§ **Work order**: For the material that follows, list every line containing the word "IFCPRODUCTDEFINITIONSHAPE".

§ **Extracted material**:

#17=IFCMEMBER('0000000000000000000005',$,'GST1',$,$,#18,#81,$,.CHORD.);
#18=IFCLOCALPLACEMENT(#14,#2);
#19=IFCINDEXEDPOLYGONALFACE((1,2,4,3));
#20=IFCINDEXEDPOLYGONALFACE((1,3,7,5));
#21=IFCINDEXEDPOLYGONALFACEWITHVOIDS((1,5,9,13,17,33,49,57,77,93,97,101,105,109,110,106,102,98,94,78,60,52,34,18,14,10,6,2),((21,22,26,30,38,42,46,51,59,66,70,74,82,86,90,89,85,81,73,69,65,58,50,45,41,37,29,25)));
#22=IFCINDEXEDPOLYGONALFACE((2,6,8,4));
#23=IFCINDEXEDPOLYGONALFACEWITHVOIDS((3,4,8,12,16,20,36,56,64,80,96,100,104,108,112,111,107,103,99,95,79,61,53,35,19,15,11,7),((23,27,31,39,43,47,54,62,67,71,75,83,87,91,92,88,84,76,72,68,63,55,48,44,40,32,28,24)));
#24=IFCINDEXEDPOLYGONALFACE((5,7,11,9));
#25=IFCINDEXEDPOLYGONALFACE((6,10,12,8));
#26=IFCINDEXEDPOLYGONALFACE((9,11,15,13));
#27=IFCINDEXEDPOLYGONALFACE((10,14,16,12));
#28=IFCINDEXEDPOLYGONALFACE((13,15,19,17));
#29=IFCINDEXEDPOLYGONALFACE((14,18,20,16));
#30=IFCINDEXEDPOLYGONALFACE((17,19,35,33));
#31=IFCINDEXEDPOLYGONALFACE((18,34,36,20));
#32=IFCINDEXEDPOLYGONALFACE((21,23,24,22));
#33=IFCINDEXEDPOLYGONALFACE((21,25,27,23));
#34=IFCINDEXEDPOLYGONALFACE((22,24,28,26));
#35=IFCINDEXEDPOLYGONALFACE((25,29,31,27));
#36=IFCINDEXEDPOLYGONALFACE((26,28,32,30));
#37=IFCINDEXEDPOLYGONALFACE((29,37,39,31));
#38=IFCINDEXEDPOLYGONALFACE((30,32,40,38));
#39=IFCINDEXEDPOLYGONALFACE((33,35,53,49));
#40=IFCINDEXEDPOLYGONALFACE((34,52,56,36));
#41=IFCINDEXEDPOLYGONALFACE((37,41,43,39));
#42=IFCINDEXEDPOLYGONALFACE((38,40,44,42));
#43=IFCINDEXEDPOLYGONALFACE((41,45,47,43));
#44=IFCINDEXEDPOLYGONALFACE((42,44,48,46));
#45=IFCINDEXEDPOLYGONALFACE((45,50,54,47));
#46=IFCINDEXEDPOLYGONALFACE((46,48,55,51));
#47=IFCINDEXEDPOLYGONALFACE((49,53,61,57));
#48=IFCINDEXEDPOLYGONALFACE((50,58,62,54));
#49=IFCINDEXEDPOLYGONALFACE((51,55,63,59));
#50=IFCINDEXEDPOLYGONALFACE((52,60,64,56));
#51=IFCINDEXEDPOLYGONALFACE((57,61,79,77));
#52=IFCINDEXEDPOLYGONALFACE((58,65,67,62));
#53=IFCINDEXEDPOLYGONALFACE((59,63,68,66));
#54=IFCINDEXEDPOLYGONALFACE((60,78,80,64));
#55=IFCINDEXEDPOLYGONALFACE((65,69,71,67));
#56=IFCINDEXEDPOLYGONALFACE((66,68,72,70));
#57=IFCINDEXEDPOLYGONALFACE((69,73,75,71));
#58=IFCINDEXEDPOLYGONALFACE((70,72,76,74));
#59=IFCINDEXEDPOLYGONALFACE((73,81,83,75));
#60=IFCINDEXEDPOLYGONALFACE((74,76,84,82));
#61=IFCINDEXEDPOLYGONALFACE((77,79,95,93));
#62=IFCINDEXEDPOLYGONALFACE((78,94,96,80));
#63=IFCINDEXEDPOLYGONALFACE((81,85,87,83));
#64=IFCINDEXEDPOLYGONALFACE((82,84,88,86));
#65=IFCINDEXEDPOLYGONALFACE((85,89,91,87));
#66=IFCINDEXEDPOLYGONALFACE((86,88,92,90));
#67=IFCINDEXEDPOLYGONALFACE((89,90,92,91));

...

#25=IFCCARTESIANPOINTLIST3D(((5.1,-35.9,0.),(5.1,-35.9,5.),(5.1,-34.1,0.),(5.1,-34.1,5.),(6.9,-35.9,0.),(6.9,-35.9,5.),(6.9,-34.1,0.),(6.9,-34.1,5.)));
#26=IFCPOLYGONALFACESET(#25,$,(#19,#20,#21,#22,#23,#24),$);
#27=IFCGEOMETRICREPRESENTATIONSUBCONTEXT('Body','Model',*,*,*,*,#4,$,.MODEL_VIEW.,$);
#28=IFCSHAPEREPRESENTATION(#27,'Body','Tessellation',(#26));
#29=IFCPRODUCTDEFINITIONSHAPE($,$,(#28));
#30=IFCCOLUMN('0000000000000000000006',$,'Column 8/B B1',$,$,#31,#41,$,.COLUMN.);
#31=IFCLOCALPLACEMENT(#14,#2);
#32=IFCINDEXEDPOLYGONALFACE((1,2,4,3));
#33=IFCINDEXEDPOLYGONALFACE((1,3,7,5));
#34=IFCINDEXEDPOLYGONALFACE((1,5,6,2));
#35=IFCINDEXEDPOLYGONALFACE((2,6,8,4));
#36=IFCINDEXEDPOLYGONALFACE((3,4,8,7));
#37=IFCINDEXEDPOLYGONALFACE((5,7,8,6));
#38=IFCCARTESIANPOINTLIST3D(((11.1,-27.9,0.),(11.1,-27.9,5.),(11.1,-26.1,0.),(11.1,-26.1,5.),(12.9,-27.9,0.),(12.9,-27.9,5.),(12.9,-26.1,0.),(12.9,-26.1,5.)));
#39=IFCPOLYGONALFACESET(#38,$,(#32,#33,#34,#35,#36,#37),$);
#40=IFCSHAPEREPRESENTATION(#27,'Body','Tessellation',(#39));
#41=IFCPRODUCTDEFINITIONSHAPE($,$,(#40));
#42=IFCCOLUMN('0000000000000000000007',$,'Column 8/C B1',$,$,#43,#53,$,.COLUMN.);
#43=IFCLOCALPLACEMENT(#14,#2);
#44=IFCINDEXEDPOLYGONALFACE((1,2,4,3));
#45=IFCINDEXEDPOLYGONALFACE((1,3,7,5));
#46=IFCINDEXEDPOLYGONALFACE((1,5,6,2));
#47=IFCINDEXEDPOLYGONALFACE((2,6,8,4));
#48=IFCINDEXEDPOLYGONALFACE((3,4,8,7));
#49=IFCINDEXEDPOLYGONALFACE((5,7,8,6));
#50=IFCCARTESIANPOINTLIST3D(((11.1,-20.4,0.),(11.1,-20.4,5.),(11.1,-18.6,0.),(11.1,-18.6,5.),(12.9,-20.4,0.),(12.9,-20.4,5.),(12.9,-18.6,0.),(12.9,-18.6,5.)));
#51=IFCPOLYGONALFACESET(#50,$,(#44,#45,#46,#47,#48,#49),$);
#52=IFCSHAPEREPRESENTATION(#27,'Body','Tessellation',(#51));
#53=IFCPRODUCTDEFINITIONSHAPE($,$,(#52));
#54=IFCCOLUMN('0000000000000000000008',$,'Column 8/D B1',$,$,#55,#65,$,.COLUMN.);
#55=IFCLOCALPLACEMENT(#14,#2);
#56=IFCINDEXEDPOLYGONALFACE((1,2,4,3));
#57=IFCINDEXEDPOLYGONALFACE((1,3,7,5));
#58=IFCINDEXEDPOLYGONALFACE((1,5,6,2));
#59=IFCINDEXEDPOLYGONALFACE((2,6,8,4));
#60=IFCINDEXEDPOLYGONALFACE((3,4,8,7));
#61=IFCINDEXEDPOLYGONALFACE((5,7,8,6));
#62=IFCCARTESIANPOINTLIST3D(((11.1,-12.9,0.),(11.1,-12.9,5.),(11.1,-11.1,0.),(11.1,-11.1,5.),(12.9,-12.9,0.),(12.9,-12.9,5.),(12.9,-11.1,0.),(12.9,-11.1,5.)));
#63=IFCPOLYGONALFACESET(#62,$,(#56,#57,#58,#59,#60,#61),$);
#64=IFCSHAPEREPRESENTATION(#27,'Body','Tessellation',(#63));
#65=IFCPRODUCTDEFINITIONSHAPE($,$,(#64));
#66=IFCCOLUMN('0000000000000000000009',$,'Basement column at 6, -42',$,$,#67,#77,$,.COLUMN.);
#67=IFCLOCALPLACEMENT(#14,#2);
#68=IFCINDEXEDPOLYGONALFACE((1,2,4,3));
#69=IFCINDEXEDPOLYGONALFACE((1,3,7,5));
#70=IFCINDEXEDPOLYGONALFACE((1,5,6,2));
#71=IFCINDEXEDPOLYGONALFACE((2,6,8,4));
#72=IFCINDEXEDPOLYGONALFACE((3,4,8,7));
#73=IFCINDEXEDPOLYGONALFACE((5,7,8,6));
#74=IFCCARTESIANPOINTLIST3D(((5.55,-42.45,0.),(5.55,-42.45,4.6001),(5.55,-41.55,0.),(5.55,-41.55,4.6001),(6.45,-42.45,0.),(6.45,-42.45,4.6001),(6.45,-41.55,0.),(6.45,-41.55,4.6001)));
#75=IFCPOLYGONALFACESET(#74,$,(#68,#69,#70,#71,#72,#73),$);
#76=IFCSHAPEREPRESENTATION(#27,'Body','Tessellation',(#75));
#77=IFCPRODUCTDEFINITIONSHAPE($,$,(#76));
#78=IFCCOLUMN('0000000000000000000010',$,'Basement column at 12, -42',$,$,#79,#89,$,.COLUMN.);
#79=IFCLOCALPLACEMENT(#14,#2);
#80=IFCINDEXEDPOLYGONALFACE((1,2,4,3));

§ **Answer space**:
#29=IFCPRODUCTDEFINITIONSHAPE($,$,(#28));
#41=IFCPRODUCTDEFINITIONSHAPE($,$,(#40));
#53=IFCPRODUCTDEFINITIONSHAPE($,$,(#52));
#65=IFCPRODUCTDEFINITIONSHAPE($,$,(#64));
#77=IFCPRODUCTDEFINITIONSHAPE($,$,(#76));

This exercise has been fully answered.